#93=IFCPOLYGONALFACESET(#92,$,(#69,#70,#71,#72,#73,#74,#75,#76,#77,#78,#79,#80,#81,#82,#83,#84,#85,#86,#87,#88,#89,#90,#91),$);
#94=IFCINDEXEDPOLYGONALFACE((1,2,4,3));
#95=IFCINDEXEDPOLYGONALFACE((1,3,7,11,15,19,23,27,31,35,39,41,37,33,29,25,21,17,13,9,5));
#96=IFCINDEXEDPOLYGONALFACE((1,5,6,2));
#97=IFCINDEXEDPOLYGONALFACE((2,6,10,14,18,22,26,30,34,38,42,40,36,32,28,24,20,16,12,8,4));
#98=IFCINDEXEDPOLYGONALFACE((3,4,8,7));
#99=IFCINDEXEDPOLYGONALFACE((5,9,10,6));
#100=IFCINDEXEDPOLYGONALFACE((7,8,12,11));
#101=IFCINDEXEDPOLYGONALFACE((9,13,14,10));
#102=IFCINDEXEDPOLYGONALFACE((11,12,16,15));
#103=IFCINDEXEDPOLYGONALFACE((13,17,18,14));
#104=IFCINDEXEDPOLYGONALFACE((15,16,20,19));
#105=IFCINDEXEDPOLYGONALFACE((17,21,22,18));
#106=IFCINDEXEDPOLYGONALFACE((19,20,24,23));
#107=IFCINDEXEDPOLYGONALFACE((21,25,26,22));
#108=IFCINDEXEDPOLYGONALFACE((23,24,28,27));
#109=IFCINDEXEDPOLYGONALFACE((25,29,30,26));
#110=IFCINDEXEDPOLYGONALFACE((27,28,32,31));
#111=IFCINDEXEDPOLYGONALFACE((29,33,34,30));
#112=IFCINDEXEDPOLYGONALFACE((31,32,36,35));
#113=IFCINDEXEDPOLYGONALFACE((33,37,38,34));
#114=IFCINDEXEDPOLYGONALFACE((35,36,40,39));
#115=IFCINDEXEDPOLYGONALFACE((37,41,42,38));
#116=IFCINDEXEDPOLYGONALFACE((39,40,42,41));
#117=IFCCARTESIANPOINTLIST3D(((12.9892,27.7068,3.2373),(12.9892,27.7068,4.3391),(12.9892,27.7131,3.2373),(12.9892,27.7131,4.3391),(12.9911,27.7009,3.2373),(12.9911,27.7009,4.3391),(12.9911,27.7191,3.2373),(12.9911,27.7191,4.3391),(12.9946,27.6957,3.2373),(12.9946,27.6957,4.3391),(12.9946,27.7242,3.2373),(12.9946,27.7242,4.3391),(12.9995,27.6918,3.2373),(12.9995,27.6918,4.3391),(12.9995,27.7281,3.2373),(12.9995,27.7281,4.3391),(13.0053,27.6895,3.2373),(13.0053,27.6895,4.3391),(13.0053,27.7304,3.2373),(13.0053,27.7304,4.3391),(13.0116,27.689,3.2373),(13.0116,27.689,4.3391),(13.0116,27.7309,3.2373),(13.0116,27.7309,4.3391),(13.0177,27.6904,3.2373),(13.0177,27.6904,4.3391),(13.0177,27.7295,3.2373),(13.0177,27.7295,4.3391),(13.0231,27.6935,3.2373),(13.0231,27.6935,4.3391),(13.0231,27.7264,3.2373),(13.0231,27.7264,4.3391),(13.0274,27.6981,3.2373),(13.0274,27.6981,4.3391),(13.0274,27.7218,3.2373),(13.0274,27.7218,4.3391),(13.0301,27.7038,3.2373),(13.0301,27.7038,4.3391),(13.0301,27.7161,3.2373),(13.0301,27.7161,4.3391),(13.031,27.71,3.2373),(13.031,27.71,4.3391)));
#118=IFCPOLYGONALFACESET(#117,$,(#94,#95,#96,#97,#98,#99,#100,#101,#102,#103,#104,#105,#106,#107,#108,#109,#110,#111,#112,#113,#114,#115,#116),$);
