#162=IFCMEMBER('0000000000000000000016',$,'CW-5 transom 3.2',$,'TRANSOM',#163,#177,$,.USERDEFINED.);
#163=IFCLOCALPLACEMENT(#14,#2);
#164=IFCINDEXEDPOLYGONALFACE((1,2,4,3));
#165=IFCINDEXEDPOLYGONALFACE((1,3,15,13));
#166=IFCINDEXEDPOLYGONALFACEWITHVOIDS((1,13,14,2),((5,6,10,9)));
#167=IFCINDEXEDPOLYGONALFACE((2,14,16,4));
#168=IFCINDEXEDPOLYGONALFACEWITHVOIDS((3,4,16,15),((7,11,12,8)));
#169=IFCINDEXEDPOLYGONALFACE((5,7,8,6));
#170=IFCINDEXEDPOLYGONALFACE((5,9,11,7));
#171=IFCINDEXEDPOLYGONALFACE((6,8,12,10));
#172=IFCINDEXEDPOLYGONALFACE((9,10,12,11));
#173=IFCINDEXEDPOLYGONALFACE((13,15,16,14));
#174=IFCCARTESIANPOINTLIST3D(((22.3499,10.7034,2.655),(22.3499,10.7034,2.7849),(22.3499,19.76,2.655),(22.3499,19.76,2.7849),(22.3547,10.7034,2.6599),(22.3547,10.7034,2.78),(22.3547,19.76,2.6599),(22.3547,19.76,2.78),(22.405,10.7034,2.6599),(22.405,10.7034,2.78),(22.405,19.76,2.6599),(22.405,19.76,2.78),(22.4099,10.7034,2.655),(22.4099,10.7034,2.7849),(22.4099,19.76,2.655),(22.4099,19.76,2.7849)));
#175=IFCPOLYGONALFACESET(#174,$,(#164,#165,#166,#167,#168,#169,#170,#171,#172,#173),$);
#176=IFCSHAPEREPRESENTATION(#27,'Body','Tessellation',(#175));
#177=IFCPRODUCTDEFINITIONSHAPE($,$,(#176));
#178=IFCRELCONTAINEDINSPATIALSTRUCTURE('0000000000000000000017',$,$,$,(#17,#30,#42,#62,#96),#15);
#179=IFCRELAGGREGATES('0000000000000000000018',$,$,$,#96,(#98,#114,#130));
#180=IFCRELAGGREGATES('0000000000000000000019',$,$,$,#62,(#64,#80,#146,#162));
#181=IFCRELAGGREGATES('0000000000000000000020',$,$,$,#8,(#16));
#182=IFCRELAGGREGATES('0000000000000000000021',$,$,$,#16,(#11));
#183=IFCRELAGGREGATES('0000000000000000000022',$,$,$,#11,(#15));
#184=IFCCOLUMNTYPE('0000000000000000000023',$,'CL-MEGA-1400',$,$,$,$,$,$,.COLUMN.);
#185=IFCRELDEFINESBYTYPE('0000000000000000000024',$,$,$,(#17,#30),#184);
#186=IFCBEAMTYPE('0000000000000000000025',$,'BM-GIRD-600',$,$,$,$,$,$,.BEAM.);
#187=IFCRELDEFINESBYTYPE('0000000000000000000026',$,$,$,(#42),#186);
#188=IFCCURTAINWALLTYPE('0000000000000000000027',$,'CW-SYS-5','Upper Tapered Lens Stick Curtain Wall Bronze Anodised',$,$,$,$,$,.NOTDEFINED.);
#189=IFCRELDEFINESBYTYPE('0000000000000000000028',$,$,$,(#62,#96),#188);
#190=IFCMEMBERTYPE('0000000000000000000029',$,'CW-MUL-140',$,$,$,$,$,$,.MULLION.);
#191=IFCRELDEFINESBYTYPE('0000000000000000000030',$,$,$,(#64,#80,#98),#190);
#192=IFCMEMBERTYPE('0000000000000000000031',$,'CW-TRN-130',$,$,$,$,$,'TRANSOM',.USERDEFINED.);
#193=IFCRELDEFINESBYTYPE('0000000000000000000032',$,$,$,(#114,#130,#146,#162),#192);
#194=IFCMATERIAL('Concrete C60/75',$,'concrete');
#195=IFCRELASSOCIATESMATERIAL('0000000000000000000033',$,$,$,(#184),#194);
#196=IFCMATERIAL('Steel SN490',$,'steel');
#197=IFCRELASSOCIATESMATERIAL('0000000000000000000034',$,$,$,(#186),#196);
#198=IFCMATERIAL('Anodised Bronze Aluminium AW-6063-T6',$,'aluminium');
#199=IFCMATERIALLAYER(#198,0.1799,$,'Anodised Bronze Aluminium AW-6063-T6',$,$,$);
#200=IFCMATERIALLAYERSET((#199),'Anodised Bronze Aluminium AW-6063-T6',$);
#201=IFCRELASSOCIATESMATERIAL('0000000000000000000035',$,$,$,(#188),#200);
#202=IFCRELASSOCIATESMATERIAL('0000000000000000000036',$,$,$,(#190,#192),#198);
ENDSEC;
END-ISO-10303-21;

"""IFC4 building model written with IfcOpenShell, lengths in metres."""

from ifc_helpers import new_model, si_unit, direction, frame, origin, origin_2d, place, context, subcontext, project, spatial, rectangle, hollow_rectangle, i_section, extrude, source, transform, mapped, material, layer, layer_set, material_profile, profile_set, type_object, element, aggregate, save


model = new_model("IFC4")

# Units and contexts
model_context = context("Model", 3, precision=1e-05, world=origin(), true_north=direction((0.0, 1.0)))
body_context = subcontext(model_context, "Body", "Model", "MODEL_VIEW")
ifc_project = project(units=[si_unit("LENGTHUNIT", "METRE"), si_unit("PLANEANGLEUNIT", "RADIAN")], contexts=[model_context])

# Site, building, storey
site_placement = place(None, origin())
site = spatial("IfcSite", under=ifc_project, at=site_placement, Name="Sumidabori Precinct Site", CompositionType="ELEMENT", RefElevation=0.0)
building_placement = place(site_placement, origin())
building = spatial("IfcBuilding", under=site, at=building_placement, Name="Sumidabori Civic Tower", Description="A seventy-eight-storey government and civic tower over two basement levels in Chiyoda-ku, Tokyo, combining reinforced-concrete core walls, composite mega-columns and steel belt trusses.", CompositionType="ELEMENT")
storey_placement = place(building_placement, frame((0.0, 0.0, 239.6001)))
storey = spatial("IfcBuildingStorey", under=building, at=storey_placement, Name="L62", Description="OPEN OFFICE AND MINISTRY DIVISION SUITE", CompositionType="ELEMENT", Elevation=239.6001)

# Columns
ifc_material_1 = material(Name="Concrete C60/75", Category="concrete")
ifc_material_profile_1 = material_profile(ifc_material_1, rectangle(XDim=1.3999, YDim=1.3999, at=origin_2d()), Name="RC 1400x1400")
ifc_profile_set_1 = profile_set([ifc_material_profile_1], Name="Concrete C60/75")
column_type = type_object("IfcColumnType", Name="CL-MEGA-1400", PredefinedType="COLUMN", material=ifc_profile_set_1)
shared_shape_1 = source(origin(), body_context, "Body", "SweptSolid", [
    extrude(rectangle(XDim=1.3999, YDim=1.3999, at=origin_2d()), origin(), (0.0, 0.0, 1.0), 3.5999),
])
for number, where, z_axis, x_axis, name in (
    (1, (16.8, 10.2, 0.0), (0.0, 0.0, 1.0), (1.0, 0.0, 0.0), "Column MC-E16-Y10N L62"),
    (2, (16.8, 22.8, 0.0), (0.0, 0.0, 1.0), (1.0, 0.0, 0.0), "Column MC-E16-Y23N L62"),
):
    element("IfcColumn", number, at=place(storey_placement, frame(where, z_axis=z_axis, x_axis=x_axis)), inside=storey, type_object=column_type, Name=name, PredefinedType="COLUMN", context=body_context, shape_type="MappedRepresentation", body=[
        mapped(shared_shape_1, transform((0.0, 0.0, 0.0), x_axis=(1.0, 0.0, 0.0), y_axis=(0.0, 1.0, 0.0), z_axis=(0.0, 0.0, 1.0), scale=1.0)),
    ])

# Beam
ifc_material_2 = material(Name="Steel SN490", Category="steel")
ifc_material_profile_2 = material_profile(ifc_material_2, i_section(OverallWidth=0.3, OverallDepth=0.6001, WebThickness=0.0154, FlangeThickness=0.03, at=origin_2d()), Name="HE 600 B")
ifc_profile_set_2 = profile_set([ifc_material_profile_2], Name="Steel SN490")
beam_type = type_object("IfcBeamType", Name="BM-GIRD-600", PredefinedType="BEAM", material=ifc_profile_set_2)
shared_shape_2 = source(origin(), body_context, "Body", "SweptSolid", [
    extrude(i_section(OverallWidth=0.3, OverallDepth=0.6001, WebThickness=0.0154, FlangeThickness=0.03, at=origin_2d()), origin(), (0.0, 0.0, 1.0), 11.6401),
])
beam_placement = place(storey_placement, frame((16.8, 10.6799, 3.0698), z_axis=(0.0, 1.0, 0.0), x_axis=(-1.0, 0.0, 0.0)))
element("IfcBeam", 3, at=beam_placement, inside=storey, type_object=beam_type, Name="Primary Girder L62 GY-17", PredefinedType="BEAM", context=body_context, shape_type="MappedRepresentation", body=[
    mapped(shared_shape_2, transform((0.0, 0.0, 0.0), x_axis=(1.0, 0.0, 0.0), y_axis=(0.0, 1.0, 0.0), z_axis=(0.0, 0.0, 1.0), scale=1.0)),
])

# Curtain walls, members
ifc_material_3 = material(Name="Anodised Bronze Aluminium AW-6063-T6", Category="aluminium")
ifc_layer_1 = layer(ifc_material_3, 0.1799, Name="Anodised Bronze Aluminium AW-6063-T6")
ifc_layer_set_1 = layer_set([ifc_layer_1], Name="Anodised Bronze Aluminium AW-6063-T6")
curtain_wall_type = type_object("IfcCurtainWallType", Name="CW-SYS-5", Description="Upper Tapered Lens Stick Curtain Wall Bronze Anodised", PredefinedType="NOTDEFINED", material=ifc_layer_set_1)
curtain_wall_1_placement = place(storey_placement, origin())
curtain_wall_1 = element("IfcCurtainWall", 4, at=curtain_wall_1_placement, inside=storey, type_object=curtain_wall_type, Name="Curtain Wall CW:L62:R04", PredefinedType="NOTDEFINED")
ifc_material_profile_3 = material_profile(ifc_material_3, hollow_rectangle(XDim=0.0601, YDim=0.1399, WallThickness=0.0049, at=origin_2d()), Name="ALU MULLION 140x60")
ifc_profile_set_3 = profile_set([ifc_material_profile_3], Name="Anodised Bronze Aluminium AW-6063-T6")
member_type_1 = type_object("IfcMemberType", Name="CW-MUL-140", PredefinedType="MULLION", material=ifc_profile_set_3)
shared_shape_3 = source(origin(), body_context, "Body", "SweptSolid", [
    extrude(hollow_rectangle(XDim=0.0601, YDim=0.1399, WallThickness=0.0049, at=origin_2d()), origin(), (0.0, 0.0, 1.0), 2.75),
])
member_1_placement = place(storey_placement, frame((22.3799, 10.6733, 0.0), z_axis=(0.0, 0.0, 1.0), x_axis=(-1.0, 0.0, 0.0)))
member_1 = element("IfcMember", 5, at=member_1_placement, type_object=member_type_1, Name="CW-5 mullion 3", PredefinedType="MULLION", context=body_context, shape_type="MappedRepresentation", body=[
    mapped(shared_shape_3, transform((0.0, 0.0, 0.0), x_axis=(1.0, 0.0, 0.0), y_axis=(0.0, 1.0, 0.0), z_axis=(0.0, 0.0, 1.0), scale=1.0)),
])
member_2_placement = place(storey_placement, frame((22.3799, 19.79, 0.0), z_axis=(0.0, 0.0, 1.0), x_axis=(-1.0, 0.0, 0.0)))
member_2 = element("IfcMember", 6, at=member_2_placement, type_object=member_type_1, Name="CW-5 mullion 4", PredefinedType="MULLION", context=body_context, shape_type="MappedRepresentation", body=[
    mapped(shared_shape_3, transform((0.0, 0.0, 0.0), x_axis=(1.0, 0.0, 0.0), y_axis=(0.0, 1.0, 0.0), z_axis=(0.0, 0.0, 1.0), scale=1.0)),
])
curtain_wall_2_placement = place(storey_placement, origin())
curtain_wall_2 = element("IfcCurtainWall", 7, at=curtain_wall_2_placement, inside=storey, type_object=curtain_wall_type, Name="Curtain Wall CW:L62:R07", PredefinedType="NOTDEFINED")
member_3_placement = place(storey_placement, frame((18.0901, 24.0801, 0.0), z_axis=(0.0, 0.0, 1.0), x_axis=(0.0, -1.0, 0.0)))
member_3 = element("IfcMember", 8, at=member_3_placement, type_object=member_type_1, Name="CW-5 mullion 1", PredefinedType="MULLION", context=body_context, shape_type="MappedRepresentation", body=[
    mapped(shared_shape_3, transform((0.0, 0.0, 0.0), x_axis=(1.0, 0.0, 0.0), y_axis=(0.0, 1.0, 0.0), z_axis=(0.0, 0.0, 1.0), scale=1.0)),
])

---+---

Tally the lines that hold the word "direction" in the listing, and give the tally with nothing else.

2